▸ SOURCE DATA
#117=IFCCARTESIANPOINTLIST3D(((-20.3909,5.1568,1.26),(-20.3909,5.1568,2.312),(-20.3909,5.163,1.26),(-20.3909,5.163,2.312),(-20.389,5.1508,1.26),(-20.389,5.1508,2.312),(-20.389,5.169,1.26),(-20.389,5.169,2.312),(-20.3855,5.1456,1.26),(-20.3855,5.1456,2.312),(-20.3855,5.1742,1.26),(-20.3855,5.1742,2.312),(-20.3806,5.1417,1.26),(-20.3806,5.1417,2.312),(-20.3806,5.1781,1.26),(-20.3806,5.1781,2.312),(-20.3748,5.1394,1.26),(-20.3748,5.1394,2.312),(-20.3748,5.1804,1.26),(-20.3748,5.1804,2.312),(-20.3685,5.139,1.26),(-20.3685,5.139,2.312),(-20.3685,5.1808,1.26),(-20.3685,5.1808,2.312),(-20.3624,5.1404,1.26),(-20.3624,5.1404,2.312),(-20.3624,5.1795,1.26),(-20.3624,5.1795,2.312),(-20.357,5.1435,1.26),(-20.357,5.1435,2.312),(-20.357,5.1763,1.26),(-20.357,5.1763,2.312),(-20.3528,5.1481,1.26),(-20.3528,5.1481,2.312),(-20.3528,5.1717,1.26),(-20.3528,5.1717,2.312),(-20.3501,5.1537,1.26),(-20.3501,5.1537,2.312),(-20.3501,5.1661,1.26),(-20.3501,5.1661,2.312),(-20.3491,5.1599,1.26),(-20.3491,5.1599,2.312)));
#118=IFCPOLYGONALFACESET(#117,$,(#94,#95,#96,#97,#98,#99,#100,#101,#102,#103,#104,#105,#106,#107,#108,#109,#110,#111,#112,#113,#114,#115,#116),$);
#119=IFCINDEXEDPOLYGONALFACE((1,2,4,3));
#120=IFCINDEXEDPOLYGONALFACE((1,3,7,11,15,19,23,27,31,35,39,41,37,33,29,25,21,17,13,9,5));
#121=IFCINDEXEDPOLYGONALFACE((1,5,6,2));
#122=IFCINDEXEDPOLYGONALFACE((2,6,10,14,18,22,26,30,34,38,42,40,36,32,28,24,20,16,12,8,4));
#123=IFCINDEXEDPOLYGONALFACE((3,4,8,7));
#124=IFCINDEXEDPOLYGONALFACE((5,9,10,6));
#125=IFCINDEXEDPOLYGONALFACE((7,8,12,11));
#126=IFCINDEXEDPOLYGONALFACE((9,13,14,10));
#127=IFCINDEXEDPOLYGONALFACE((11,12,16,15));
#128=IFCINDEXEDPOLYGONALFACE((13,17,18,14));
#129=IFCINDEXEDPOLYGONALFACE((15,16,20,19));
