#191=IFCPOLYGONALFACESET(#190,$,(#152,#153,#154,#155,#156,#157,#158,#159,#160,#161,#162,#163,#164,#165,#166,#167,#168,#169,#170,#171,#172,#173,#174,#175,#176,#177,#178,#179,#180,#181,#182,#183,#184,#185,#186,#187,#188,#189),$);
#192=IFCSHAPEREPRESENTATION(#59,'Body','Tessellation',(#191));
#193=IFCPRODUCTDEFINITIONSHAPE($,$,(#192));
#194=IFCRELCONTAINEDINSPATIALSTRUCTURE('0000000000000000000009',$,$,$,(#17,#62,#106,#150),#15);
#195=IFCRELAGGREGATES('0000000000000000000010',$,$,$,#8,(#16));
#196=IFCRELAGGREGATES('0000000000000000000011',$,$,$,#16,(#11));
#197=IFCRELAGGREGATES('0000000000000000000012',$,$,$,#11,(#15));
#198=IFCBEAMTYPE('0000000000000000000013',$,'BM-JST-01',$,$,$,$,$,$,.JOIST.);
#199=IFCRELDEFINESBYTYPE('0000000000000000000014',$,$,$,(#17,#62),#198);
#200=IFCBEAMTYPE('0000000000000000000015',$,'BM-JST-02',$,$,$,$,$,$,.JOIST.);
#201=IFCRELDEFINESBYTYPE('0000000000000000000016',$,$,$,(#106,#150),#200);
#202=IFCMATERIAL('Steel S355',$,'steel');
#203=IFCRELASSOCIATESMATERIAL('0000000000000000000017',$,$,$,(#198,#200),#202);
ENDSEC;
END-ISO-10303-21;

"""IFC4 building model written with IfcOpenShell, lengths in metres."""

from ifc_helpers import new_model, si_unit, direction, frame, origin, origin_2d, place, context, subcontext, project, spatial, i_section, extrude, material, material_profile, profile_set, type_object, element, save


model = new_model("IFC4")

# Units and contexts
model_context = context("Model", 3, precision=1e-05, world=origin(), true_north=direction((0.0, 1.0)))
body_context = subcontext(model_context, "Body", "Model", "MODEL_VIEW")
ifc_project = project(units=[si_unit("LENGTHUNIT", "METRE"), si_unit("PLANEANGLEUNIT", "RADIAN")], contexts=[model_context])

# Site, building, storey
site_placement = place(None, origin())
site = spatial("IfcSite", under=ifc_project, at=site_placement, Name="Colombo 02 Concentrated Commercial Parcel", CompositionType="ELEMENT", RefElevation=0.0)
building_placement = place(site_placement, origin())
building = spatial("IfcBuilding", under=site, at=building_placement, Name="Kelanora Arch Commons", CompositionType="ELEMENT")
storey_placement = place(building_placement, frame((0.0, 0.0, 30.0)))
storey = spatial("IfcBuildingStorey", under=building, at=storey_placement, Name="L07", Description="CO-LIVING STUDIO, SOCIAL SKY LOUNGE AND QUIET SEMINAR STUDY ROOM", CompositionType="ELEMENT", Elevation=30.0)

▸ TASK OBJECTIVE
Go back to the listing above. Copy word for word the lines from the one with "#125=IFCINDEXEDPOLYGONALFACE((7,8,12,11));" through the one with "#202=IFCMATERIAL('Steel S355',$,'steel');", and nothing more.

▸ ANSWER BELOW
#125=IFCINDEXEDPOLYGONALFACE((7,8,12,11));
#126=IFCINDEXEDPOLYGONALFACE((9,13,14,10));
#127=IFCINDEXEDPOLYGONALFACE((11,12,16,15));
#128=IFCINDEXEDPOLYGONALFACE((13,17,18,14));
#129=IFCINDEXEDPOLYGONALFACE((15,16,20,19));
#191=IFCPOLYGONALFACESET(#190,$,(#152,#153,#154,#155,#156,#157,#158,#159,#160,#161,#162,#163,#164,#165,#166,#167,#168,#169,#170,#171,#172,#173,#174,#175,#176,#177,#178,#179,#180,#181,#182,#183,#184,#185,#186,#187,#188,#189),$);
#192=IFCSHAPEREPRESENTATION(#59,'Body','Tessellation',(#191));
#193=IFCPRODUCTDEFINITIONSHAPE($,$,(#192));
#194=IFCRELCONTAINEDINSPATIALSTRUCTURE('0000000000000000000009',$,$,$,(#17,#62,#106,#150),#15);
#195=IFCRELAGGREGATES('0000000000000000000010',$,$,$,#8,(#16));
#196=IFCRELAGGREGATES('0000000000000000000011',$,$,$,#16,(#11));
#197=IFCRELAGGREGATES('0000000000000000000012',$,$,$,#11,(#15));
#198=IFCBEAMTYPE('0000000000000000000013',$,'BM-JST-01',$,$,$,$,$,$,.JOIST.);
#199=IFCRELDEFINESBYTYPE('0000000000000000000014',$,$,$,(#17,#62),#198);
#200=IFCBEAMTYPE('0000000000000000000015',$,'BM-JST-02',$,$,$,$,$,$,.JOIST.);
#201=IFCRELDEFINESBYTYPE('0000000000000000000016',$,$,$,(#106,#150),#200);
#202=IFCMATERIAL('Steel S355',$,'steel');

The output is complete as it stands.